▶ [The task]
Every line between the top of the data below and the line with "#141=IFCINDEXEDPOLYGONALFACE((39,40,42,41));", both ends included, must be retyped exactly.

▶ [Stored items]
⁂

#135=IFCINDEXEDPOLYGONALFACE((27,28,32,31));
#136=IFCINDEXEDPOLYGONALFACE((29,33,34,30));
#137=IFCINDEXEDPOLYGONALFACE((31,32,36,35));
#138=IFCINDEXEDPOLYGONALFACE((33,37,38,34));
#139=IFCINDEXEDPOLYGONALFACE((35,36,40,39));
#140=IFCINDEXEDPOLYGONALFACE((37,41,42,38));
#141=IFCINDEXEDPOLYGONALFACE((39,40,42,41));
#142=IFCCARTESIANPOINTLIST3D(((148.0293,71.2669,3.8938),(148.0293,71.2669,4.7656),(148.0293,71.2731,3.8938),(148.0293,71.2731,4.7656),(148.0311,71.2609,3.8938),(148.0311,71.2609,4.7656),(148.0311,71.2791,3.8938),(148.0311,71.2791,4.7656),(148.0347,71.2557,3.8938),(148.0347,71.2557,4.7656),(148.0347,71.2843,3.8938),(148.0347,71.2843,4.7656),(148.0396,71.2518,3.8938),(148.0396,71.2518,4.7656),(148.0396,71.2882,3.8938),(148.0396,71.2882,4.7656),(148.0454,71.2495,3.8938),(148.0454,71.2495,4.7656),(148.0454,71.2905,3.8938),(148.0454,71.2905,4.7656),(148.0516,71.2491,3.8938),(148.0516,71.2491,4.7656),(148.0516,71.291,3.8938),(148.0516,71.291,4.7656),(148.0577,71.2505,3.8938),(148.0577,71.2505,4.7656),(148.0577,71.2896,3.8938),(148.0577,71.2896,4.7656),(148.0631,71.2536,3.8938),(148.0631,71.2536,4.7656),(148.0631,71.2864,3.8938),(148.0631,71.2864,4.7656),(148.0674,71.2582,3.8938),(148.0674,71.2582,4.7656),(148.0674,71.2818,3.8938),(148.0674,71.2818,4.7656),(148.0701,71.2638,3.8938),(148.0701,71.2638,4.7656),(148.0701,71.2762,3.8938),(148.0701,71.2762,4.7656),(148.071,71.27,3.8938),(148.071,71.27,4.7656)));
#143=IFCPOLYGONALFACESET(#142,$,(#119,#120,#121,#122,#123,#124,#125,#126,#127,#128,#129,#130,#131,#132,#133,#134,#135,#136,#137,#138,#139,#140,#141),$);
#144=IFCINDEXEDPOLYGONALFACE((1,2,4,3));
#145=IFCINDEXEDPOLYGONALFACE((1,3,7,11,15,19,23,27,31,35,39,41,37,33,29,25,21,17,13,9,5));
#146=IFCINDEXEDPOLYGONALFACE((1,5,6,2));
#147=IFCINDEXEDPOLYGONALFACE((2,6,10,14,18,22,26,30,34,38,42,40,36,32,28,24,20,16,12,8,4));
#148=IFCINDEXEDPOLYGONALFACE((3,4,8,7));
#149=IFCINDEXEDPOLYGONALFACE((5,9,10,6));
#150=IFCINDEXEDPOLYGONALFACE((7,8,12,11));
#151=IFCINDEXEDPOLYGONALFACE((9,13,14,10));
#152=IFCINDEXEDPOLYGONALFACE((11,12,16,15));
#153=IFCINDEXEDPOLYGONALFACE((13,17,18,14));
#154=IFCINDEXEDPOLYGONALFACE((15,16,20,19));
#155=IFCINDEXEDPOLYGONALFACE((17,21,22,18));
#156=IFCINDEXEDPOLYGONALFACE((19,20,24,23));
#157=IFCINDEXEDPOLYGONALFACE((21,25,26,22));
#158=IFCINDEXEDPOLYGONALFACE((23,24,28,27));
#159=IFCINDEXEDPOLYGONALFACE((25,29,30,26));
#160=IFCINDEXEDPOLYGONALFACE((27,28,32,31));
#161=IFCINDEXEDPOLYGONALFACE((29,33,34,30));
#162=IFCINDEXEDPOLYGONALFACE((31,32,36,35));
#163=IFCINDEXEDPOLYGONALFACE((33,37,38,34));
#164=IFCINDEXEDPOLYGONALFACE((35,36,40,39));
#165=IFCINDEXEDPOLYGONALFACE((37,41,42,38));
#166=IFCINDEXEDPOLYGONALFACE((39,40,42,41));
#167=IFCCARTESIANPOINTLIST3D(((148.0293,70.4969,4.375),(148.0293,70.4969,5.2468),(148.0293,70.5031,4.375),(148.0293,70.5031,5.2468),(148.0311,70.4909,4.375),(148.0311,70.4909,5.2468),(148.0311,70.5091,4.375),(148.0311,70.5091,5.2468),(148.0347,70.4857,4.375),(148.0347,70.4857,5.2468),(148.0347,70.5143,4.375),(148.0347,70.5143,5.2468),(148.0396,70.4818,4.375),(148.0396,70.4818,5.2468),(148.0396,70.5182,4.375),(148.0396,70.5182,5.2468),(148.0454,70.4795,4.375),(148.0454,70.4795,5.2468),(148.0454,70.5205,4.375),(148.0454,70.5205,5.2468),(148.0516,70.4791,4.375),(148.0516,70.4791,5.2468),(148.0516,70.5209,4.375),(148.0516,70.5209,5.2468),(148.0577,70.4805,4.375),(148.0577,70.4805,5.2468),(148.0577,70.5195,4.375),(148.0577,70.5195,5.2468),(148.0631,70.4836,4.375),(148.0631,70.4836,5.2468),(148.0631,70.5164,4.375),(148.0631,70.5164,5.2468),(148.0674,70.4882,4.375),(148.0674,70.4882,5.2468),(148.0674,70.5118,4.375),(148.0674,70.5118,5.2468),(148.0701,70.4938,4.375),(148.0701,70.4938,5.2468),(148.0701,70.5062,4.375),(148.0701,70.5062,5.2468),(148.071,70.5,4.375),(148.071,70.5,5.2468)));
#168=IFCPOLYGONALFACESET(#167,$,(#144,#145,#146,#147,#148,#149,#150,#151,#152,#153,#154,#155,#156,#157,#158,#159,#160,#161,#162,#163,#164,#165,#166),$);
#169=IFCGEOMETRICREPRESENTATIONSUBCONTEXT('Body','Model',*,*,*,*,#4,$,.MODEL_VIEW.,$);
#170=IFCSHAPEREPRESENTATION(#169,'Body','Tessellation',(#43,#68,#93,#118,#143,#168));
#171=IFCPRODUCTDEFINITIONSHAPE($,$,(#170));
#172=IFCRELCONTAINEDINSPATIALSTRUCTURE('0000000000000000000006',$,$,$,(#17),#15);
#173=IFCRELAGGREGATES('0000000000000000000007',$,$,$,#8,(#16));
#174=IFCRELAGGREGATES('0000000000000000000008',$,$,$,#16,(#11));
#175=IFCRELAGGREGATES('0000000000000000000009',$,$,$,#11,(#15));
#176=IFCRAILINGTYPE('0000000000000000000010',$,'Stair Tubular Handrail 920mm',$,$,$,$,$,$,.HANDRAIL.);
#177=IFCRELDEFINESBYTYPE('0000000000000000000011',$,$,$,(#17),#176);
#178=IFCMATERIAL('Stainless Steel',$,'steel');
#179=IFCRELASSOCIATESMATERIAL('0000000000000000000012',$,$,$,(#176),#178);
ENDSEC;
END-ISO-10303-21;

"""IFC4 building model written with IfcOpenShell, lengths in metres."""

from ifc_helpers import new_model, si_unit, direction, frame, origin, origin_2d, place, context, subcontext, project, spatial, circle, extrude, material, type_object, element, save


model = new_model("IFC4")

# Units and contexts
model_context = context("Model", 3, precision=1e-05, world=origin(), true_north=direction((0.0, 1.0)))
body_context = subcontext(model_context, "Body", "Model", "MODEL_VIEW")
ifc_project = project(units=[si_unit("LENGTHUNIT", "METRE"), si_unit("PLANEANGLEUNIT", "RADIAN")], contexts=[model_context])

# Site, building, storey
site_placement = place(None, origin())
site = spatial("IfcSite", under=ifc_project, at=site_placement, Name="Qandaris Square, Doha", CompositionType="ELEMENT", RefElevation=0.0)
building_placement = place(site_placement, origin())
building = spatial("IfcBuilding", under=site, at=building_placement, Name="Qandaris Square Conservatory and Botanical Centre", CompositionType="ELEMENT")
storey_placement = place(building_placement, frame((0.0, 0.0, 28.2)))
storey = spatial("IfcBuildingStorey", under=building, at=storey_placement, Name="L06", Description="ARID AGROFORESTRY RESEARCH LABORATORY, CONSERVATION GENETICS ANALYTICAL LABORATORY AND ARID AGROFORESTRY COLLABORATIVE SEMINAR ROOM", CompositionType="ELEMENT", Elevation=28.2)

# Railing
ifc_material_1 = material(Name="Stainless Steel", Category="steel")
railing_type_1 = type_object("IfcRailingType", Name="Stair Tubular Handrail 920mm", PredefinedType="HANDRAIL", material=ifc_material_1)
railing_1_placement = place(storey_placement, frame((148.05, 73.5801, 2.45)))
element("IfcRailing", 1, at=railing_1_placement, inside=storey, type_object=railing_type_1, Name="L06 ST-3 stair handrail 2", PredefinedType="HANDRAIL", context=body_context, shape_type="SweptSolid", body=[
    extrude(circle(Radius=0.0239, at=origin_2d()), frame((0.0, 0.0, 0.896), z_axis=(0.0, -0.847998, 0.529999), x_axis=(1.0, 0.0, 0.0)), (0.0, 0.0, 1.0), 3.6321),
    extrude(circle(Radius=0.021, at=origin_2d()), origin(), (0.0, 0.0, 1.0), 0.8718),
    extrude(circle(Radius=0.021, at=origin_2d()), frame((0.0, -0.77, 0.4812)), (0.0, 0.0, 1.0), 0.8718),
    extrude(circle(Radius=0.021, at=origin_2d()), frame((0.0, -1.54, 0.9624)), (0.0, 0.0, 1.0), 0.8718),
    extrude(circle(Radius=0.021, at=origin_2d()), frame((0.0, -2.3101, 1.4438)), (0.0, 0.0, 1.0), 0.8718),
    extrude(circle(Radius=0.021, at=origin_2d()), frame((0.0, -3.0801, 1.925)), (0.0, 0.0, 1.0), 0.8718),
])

⁂

▶ [Solution for this problem]
#135=IFCINDEXEDPOLYGONALFACE((27,28,32,31));
#136=IFCINDEXEDPOLYGONALFACE((29,33,34,30));
#137=IFCINDEXEDPOLYGONALFACE((31,32,36,35));
#138=IFCINDEXEDPOLYGONALFACE((33,37,38,34));
#139=IFCINDEXEDPOLYGONALFACE((35,36,40,39));
#140=IFCINDEXEDPOLYGONALFACE((37,41,42,38));
#141=IFCINDEXEDPOLYGONALFACE((39,40,42,41));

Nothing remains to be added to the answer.